── SOURCE MATERIAL

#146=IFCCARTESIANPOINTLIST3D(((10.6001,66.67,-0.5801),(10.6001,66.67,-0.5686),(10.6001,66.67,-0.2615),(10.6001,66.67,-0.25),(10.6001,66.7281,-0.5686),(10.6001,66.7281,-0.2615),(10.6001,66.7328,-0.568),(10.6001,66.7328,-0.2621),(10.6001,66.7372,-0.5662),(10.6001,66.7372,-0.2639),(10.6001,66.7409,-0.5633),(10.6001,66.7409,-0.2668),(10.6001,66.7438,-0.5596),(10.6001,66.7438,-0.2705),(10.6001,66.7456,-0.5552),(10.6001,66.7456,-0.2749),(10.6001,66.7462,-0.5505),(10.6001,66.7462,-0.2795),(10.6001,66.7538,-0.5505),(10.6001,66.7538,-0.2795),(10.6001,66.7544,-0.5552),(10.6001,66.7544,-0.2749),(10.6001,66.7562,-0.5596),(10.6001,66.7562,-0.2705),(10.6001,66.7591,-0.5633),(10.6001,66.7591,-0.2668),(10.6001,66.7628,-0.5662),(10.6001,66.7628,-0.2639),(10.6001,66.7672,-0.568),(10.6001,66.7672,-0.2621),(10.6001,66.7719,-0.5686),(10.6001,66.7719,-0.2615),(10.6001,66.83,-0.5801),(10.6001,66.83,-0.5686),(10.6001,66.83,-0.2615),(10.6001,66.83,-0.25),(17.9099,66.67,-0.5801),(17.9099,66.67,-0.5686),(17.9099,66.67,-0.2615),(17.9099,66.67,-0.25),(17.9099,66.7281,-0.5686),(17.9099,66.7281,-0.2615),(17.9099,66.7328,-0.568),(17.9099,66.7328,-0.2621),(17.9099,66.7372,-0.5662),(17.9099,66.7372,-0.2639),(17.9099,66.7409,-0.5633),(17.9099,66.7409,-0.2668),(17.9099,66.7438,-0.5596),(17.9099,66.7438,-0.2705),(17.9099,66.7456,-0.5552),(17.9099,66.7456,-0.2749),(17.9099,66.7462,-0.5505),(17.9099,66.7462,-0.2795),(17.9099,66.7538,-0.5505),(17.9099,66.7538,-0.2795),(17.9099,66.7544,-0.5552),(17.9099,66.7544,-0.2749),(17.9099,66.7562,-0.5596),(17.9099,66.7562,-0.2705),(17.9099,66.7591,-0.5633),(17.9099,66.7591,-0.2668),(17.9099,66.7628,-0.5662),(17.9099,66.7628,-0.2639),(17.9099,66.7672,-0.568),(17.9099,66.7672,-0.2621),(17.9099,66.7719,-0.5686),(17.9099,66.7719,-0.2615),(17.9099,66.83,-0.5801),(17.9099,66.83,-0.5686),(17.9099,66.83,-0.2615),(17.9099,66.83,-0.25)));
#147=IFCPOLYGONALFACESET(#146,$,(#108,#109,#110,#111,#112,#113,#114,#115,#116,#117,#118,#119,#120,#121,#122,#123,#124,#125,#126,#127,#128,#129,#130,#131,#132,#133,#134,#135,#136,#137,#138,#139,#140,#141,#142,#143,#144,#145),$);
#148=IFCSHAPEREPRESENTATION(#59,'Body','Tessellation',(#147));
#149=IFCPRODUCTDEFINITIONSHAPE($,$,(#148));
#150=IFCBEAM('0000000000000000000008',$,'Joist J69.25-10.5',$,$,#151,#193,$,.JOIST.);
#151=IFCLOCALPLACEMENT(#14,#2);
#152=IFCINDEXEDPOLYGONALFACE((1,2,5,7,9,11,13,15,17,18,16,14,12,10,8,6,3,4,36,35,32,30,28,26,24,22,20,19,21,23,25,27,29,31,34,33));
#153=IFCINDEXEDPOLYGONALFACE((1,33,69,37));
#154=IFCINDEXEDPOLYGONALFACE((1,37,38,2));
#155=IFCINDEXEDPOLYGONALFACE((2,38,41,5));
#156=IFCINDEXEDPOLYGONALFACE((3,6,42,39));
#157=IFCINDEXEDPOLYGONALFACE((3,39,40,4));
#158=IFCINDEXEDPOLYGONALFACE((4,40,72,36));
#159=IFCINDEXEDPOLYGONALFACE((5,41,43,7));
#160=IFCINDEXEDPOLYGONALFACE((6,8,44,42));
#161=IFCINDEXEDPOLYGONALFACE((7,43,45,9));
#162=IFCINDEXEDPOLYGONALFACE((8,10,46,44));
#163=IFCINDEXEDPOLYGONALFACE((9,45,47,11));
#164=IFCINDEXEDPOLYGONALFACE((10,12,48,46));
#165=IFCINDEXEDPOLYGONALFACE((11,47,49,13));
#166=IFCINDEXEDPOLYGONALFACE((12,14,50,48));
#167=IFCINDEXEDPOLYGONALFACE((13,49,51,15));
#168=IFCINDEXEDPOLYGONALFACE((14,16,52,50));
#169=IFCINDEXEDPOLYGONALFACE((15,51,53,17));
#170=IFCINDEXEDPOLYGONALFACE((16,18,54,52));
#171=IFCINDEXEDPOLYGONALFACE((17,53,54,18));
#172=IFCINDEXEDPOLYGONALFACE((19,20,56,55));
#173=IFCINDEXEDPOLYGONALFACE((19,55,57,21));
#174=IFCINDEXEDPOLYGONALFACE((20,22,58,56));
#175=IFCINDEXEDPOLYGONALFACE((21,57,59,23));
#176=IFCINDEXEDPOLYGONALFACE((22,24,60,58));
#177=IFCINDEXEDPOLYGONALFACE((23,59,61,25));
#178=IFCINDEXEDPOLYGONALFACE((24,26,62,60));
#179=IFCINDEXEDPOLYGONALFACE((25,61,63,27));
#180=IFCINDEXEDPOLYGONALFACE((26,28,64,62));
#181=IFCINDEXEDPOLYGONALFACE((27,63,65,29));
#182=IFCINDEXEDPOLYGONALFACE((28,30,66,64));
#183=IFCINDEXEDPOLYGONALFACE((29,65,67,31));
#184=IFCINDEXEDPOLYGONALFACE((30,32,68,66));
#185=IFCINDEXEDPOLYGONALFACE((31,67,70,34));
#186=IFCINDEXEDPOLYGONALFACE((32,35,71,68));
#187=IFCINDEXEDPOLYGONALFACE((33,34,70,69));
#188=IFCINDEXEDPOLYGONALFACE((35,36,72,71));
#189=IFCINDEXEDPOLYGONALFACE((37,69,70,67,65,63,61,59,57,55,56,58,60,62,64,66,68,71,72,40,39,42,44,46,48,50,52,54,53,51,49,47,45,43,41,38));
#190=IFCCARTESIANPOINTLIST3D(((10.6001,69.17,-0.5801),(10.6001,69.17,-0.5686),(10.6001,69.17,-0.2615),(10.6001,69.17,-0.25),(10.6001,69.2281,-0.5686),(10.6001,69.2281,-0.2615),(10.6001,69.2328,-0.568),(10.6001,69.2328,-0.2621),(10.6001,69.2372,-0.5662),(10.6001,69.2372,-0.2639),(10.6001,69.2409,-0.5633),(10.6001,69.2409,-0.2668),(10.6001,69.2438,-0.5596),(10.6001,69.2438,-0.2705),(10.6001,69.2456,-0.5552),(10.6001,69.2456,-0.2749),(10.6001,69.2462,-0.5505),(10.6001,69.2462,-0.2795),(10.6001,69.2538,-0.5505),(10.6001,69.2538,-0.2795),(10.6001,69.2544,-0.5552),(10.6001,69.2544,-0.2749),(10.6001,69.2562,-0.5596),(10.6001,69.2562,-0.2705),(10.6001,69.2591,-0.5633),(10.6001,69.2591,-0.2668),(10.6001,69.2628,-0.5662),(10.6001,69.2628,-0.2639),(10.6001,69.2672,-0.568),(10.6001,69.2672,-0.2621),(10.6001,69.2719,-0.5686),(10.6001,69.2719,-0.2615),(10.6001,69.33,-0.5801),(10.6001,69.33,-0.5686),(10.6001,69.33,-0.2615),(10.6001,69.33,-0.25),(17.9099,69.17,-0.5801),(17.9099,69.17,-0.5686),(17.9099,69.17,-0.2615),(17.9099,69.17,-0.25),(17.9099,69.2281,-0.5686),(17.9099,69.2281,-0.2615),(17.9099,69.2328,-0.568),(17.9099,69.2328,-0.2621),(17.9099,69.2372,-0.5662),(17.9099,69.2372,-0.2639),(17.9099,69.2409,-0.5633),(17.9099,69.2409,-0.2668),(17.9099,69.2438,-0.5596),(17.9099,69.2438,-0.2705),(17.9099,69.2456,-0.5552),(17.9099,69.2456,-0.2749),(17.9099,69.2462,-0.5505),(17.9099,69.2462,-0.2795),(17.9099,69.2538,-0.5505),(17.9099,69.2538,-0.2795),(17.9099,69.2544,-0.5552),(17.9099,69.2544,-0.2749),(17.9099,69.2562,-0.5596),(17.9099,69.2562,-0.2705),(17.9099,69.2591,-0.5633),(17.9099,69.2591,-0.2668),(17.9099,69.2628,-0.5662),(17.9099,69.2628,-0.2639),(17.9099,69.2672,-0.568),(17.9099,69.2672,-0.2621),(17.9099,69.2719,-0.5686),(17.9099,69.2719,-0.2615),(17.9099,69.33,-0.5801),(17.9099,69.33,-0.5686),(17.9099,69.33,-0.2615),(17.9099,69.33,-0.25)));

────
── SOURCE MATERIAL

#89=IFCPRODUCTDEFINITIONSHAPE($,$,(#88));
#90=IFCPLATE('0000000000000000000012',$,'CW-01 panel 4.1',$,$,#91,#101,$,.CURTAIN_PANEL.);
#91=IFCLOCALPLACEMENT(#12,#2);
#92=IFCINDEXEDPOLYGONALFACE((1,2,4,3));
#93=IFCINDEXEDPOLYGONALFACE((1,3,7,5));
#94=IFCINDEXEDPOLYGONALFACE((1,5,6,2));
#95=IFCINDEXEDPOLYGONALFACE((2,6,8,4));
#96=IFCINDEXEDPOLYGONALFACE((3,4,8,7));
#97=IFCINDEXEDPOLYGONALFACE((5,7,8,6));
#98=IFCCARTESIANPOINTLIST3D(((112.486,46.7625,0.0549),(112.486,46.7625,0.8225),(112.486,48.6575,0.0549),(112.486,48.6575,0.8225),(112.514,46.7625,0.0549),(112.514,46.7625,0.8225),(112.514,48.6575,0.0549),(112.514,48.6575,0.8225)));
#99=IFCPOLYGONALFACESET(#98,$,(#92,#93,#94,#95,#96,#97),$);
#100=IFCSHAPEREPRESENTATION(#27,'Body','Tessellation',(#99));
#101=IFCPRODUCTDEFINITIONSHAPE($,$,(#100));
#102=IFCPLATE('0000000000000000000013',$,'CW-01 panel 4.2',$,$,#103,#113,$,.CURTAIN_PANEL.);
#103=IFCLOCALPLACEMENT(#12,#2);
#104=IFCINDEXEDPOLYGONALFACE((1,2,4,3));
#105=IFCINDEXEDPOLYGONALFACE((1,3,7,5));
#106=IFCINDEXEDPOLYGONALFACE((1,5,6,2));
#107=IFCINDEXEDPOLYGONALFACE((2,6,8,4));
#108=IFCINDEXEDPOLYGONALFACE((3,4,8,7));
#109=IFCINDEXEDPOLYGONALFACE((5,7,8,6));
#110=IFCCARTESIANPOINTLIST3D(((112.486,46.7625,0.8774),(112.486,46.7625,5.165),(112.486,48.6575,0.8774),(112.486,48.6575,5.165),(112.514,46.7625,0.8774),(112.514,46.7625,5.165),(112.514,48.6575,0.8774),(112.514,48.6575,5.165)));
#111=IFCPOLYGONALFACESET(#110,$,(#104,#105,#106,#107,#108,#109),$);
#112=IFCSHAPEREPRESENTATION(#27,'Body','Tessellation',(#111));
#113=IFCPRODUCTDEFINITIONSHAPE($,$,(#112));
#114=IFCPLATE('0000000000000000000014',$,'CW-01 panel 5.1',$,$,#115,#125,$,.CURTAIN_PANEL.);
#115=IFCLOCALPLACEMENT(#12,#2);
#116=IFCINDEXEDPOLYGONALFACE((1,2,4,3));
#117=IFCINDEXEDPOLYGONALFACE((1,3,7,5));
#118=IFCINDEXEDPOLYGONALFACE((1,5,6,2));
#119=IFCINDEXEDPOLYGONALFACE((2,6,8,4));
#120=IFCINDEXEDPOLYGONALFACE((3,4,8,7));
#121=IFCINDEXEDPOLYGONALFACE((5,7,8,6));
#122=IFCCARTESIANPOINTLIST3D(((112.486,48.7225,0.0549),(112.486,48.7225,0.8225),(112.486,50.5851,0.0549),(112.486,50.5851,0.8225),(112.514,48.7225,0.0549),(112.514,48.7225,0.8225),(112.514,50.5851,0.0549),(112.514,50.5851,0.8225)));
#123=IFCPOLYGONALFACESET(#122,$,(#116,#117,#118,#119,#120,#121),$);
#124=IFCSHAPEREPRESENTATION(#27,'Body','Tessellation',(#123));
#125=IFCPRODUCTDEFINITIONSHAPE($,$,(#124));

────

TASK DESCRIPTION: For each line above that contains the word "IFCPOLYGONALFACESET", give the line as it is written.

RESULT OF THE TASK:
#147=IFCPOLYGONALFACESET(#146,$,(#108,#109,#110,#111,#112,#113,#114,#115,#116,#117,#118,#119,#120,#121,#122,#123,#124,#125,#126,#127,#128,#129,#130,#131,#132,#133,#134,#135,#136,#137,#138,#139,#140,#141,#142,#143,#144,#145),$);
#99=IFCPOLYGONALFACESET(#98,$,(#92,#93,#94,#95,#96,#97),$);
#111=IFCPOLYGONALFACESET(#110,$,(#104,#105,#106,#107,#108,#109),$);
#123=IFCPOLYGONALFACESET(#122,$,(#116,#117,#118,#119,#120,#121),$);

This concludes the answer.